What is required: Filter the listing below, keeping every line that holds "Plumbing".
────────────────
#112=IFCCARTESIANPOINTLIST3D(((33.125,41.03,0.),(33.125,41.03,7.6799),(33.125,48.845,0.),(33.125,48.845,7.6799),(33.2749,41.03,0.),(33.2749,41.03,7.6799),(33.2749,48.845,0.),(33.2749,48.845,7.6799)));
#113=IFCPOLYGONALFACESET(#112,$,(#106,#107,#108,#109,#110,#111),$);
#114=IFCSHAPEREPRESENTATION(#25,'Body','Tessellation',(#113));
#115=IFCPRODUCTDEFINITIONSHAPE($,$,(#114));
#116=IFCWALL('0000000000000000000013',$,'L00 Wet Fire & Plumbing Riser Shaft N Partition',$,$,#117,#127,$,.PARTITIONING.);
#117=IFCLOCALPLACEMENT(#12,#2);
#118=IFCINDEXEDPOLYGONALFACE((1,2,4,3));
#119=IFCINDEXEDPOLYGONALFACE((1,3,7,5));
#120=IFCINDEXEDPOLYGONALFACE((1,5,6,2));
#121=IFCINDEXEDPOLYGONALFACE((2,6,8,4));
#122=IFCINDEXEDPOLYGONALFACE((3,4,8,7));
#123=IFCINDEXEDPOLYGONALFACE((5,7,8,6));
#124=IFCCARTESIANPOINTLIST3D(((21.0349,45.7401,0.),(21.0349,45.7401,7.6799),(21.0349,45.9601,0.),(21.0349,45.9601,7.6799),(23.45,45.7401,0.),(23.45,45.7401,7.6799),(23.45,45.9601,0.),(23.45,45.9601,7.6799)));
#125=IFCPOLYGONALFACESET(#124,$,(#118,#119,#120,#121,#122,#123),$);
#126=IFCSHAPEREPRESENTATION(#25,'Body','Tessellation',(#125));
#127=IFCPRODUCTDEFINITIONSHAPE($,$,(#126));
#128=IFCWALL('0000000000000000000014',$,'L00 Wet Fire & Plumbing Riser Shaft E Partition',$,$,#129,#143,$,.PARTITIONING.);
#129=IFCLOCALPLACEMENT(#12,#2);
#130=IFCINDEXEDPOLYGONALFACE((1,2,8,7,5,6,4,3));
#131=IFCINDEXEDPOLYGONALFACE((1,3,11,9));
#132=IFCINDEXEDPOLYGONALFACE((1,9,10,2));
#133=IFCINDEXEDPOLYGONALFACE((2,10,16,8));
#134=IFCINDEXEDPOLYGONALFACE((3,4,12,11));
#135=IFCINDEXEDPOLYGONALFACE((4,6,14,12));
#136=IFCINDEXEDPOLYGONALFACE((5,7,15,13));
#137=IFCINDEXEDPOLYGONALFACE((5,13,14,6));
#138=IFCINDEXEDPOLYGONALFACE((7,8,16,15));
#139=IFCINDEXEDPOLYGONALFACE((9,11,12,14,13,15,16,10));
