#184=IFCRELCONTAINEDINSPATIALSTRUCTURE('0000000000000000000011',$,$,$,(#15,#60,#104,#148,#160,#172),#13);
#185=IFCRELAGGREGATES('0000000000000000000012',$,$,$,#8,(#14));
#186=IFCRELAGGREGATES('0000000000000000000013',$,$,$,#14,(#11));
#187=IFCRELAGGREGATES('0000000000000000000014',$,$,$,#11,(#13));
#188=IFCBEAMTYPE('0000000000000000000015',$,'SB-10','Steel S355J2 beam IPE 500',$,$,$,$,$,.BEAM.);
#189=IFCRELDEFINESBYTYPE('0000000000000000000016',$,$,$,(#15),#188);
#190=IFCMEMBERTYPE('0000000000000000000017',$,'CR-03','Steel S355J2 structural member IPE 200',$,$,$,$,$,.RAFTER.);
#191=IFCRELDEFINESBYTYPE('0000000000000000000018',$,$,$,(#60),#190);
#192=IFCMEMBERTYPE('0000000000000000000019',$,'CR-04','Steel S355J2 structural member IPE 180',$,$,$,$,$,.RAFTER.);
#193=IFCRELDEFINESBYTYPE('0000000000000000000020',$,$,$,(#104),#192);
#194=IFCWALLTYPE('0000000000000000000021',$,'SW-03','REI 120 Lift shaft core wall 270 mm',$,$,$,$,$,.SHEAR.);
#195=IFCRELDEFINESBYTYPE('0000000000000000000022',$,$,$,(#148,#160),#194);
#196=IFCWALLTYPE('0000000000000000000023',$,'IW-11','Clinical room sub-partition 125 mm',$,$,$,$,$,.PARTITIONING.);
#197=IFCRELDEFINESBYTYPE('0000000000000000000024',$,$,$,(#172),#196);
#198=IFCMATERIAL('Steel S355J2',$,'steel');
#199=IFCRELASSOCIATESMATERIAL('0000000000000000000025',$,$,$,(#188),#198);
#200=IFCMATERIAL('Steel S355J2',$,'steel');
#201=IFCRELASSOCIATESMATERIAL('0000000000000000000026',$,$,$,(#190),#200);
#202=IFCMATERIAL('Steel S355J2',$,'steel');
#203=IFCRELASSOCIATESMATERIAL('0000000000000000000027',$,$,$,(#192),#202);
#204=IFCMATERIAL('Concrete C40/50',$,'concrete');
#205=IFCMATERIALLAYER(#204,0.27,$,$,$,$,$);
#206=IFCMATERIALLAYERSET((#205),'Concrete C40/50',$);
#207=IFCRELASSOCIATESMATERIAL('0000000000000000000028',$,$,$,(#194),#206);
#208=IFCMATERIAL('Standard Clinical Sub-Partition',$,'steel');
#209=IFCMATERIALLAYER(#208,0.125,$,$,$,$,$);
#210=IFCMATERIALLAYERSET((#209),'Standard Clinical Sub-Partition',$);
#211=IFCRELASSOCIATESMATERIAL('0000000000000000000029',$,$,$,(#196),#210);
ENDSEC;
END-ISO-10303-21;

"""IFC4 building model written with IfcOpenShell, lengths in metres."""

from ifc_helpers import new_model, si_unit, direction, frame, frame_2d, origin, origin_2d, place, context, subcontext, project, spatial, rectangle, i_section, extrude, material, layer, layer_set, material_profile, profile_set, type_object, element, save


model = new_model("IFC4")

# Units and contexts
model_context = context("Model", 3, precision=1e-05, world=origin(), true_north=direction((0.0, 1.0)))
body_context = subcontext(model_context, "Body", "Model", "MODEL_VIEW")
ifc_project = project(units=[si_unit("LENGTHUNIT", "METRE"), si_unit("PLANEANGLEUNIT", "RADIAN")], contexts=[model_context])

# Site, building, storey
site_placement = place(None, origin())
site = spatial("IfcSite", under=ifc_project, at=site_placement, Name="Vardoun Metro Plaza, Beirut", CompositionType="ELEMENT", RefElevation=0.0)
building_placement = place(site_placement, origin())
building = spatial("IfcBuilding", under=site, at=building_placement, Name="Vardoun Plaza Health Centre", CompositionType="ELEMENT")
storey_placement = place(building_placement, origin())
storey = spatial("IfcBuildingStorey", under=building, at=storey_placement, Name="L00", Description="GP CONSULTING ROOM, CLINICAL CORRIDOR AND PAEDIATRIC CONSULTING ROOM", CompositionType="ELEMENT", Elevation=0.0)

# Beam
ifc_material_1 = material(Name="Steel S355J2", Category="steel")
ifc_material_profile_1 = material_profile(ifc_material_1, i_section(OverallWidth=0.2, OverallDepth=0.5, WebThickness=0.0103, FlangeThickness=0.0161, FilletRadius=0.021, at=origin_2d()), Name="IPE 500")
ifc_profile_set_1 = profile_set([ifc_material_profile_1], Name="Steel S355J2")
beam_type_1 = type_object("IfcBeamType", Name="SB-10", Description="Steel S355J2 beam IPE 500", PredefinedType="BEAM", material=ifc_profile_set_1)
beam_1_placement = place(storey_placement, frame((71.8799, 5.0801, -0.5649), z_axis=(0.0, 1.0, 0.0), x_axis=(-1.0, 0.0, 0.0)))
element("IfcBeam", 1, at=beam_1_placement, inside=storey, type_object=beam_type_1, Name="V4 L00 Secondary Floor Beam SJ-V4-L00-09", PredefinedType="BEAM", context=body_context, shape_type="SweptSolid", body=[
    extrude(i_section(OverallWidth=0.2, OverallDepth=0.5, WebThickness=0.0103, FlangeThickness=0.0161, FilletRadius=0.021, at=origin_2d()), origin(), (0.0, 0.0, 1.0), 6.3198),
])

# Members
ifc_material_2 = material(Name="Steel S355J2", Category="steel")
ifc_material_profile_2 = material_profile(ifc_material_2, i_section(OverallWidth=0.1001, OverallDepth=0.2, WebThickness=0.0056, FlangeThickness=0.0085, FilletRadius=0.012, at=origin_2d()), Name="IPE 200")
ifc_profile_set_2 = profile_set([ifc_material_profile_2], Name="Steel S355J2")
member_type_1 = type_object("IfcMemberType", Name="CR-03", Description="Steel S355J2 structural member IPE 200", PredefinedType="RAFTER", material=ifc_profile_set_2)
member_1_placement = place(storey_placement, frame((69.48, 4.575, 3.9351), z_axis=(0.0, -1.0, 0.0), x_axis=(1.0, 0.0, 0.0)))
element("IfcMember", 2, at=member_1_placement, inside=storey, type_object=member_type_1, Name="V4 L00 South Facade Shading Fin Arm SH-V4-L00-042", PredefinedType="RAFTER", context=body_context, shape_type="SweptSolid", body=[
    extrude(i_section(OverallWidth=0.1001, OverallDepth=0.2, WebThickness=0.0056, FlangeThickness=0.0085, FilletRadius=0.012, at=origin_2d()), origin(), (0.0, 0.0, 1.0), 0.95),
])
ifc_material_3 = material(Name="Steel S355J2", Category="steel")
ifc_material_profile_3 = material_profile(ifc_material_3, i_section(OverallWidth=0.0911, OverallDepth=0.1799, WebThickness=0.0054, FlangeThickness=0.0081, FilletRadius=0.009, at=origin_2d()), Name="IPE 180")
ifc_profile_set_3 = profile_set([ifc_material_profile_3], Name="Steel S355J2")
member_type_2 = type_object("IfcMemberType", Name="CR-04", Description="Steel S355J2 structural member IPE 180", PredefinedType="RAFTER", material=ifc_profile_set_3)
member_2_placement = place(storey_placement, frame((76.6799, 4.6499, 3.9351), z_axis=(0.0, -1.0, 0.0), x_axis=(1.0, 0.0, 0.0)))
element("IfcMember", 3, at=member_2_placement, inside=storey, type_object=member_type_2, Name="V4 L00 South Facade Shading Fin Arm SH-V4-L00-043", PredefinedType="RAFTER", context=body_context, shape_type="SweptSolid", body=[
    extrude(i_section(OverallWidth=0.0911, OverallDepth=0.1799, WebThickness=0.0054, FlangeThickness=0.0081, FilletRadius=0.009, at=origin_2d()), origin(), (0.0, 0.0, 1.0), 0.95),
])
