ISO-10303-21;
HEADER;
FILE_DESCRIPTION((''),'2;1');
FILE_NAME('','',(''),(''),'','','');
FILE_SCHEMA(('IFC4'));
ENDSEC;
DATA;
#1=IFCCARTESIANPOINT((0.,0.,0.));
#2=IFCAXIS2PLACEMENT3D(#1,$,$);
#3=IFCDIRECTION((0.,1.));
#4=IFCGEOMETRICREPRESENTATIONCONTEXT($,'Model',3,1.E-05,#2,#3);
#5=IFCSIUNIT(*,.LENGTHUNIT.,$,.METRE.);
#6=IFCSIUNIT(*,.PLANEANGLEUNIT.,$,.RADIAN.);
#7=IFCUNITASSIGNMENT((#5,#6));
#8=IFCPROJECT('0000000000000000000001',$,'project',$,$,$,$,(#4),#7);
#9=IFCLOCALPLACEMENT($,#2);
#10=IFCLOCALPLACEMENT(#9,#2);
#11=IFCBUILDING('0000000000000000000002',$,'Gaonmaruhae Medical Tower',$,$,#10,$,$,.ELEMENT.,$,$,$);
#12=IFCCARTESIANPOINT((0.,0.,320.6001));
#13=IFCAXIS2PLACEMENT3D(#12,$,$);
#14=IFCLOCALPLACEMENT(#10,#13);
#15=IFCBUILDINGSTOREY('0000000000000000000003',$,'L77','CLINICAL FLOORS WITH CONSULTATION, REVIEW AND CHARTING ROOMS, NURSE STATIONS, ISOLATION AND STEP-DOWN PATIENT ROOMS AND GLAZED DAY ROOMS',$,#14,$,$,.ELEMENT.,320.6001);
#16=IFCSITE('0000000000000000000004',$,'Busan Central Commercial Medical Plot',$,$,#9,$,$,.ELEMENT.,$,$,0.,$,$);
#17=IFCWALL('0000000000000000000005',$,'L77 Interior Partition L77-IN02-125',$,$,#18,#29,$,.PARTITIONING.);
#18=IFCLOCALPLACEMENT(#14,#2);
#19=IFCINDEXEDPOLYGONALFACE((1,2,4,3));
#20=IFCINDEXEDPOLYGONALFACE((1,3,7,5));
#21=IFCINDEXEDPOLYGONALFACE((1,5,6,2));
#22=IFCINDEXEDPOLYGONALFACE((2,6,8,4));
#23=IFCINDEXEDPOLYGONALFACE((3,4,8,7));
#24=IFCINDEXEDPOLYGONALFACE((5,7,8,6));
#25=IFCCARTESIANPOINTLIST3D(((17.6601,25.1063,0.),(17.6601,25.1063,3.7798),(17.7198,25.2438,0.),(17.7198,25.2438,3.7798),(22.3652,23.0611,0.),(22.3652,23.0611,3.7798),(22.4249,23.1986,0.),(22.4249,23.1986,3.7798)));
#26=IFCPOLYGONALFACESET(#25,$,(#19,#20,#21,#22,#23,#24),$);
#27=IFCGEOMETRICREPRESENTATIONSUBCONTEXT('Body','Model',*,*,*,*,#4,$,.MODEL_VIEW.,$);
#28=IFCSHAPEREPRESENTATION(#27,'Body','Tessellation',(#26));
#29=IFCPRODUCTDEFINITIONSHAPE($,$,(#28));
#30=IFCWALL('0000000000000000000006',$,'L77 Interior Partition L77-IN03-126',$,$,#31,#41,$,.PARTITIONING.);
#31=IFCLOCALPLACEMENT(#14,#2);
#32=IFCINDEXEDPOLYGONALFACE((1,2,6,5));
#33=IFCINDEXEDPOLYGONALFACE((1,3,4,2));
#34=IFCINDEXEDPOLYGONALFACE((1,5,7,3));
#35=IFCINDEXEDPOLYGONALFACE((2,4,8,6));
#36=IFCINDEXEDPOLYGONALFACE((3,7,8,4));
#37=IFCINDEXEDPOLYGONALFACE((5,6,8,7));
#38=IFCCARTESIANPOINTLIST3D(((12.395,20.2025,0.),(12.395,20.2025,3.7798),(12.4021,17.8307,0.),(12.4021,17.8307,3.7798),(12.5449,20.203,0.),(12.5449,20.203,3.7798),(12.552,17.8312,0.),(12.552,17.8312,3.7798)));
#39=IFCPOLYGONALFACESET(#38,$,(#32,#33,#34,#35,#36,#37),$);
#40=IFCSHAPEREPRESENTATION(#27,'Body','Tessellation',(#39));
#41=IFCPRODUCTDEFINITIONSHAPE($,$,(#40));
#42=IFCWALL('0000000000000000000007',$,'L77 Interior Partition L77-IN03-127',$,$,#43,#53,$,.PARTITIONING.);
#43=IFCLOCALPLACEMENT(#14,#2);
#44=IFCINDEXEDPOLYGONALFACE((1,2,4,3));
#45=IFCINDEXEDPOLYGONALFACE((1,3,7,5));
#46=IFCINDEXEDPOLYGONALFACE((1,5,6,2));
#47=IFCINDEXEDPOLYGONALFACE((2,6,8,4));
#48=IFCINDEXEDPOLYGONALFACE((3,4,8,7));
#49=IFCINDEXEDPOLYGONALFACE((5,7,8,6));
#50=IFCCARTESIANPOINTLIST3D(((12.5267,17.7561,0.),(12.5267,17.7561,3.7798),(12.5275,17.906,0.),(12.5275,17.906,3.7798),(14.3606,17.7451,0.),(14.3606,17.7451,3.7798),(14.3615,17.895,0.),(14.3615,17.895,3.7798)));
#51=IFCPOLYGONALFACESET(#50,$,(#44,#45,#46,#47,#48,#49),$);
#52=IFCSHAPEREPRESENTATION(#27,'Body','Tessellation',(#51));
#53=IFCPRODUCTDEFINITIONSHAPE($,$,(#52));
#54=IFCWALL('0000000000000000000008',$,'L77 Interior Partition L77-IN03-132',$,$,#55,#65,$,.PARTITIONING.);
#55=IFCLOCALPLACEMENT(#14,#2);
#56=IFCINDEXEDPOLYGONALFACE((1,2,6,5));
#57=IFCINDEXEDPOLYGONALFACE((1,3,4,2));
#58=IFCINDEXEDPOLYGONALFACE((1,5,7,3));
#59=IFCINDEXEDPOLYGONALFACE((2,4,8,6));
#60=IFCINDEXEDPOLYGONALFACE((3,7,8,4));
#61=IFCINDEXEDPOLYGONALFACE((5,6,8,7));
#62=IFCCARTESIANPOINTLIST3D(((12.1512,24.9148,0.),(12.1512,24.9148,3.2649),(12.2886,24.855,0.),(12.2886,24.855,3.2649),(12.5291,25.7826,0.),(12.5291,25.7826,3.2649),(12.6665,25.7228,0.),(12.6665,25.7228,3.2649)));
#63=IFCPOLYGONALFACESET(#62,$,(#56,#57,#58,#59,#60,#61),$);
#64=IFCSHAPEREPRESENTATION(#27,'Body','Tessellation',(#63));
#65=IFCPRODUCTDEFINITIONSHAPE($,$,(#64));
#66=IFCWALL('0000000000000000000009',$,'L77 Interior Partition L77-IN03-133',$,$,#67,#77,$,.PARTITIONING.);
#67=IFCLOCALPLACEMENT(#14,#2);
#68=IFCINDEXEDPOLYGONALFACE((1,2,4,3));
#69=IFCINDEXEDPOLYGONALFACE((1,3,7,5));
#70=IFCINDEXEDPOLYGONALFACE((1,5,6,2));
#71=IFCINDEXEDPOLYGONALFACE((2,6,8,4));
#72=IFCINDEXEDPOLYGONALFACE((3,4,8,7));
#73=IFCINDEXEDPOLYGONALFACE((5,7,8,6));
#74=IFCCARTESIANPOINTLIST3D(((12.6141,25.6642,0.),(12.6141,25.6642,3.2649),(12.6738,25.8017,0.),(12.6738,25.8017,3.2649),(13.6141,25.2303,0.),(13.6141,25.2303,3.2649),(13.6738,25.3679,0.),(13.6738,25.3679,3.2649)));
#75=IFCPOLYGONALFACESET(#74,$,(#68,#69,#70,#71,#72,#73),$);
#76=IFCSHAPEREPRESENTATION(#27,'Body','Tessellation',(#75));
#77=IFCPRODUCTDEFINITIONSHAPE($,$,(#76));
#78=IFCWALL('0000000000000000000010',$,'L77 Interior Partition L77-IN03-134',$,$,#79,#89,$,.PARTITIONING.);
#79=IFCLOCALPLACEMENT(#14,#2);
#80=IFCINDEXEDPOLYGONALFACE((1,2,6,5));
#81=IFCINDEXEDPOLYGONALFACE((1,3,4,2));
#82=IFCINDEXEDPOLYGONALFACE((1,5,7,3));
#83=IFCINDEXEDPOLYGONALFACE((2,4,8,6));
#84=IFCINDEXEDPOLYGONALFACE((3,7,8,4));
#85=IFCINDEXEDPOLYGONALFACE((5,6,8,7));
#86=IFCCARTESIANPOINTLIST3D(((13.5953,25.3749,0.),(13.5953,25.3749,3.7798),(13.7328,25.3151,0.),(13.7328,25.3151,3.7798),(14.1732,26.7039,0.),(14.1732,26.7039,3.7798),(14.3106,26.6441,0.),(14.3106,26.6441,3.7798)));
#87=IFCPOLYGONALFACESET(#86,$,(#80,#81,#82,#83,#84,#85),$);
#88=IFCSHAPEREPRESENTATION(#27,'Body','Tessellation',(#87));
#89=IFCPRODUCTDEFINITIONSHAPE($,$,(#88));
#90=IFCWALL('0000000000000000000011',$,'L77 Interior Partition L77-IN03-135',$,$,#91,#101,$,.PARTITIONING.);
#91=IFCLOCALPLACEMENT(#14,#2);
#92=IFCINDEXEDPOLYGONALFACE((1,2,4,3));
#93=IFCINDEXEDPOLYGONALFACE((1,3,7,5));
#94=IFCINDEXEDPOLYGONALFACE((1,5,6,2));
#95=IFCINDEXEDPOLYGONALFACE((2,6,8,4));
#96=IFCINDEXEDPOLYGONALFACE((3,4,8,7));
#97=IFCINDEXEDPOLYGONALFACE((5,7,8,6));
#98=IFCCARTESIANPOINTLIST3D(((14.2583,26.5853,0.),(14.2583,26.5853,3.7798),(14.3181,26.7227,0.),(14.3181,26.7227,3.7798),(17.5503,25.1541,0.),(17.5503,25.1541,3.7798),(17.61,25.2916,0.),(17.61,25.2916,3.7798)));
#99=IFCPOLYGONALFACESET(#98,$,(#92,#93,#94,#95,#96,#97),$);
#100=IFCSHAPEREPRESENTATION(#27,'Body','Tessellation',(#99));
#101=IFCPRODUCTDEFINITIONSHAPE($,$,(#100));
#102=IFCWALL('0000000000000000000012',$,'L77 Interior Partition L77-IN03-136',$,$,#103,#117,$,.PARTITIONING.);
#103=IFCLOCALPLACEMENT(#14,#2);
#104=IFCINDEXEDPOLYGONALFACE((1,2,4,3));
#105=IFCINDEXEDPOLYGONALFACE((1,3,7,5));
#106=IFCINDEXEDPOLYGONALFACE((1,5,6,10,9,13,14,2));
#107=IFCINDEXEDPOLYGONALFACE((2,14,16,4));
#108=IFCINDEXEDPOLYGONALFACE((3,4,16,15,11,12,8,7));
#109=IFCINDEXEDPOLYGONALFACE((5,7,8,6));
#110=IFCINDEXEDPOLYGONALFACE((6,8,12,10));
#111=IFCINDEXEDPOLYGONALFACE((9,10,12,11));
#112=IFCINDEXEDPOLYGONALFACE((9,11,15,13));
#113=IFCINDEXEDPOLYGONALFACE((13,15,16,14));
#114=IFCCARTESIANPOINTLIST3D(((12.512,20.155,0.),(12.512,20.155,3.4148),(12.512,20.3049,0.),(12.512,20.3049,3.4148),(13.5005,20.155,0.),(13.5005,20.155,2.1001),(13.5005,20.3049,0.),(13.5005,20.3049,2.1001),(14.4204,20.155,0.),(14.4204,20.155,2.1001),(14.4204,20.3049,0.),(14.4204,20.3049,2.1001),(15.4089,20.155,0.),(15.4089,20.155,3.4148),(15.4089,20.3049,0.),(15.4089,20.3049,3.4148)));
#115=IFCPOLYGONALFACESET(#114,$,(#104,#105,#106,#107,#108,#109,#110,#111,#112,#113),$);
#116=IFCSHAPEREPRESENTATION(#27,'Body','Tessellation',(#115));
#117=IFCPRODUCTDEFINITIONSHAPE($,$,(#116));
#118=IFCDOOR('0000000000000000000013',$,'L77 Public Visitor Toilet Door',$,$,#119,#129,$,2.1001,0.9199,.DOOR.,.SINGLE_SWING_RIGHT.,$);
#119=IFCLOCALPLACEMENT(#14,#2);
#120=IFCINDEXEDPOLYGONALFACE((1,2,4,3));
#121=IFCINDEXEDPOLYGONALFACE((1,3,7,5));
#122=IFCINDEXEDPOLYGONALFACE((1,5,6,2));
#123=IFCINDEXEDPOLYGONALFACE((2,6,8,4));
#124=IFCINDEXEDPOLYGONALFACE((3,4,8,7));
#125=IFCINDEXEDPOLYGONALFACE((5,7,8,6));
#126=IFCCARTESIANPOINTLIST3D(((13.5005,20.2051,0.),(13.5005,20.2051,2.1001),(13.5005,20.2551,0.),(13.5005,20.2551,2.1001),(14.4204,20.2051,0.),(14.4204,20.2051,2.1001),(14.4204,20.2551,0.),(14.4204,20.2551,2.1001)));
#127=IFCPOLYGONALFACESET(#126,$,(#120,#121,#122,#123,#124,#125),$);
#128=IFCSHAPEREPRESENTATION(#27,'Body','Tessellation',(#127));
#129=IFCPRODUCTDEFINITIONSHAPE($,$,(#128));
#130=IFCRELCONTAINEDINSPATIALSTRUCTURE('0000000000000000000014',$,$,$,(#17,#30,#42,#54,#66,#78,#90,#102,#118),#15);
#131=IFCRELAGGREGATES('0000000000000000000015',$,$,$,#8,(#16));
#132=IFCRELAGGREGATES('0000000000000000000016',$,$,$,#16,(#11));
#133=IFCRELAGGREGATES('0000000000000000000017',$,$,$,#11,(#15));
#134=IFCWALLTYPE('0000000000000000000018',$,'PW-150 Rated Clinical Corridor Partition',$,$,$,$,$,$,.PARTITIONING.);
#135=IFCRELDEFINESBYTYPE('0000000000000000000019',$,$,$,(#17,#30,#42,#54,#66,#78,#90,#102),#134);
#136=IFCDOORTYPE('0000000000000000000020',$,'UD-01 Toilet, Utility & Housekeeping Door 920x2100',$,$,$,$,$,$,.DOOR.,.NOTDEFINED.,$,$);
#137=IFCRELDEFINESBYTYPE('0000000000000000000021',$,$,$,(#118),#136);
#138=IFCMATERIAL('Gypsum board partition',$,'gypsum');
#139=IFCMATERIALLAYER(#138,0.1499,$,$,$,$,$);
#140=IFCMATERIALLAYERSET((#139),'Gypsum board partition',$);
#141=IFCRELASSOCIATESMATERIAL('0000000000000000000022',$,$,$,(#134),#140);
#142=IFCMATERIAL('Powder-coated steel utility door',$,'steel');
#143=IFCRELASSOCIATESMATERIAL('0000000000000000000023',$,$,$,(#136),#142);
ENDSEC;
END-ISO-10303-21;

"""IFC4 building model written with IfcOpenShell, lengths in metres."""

from ifc_helpers import new_model, si_unit, direction, frame, frame_2d, origin, place, context, subcontext, project, spatial, rectangle, extrude, material, layer, layer_set, type_object, element, fill, save


model = new_model("IFC4")

# Units and contexts
model_context = context("Model", 3, precision=1e-05, world=origin(), true_north=direction((0.0, 1.0)))
body_context = subcontext(model_context, "Body", "Model", "MODEL_VIEW")
ifc_project = project(units=[si_unit("LENGTHUNIT", "METRE"), si_unit("PLANEANGLEUNIT", "RADIAN")], contexts=[model_context])

# Site, building, storey
site_placement = place(None, origin())
site = spatial("IfcSite", under=ifc_project, at=site_placement, Name="Busan Central Commercial Medical Plot", CompositionType="ELEMENT", RefElevation=0.0)
building_placement = place(site_placement, origin())
building = spatial("IfcBuilding", under=site, at=building_placement, Name="Gaonmaruhae Medical Tower", CompositionType="ELEMENT")
storey_placement = place(building_placement, frame((0.0, 0.0, 320.6001)))
storey = spatial("IfcBuildingStorey", under=building, at=storey_placement, Name="L77", Description="CLINICAL FLOORS WITH CONSULTATION, REVIEW AND CHARTING ROOMS, NURSE STATIONS, ISOLATION AND STEP-DOWN PATIENT ROOMS AND GLAZED DAY ROOMS", CompositionType="ELEMENT", Elevation=320.6001)

# Walls
ifc_material_1 = material(Name="Gypsum board partition", Category="gypsum")
ifc_layer_1 = layer(ifc_material_1, 0.1499)
ifc_layer_set_1 = layer_set([ifc_layer_1], Name="Gypsum board partition")
wall_type_1 = type_object("IfcWallType", Name="PW-150 Rated Clinical Corridor Partition", PredefinedType="PARTITIONING", material=ifc_layer_set_1)
wall_1_placement = place(storey_placement, frame((17.6899, 25.175, 0.0), z_axis=(0.0, 0.0, 1.0), x_axis=(0.917107, -0.398641, 0.0)))
element("IfcWall", 1, at=wall_1_placement, inside=storey, type_object=wall_type_1, Name="L77 Interior Partition L77-IN02-125", PredefinedType="PARTITIONING", context=body_context, shape_type="SweptSolid", body=[
    extrude(rectangle(XDim=5.1304, YDim=0.1499, at=frame_2d((2.5652, 0.0))), origin(), (0.0, 0.0, 1.0), 3.7798),
])
wall_2_placement = place(storey_placement, frame((12.47, 20.2029, 0.0), z_axis=(0.0, 0.0, 1.0), x_axis=(0.002985, -0.999996, 0.0)))
element("IfcWall", 2, at=wall_2_placement, inside=storey, type_object=wall_type_1, Name="L77 Interior Partition L77-IN03-126", PredefinedType="PARTITIONING", context=body_context, shape_type="SweptSolid", body=[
────────────────
Task answer:
#116=IFCWALL('0000000000000000000013',$,'L00 Wet Fire & Plumbing Riser Shaft N Partition',$,$,#117,#127,$,.PARTITIONING.);
#128=IFCWALL('0000000000000000000014',$,'L00 Wet Fire & Plumbing Riser Shaft E Partition',$,$,#129,#143,$,.PARTITIONING.);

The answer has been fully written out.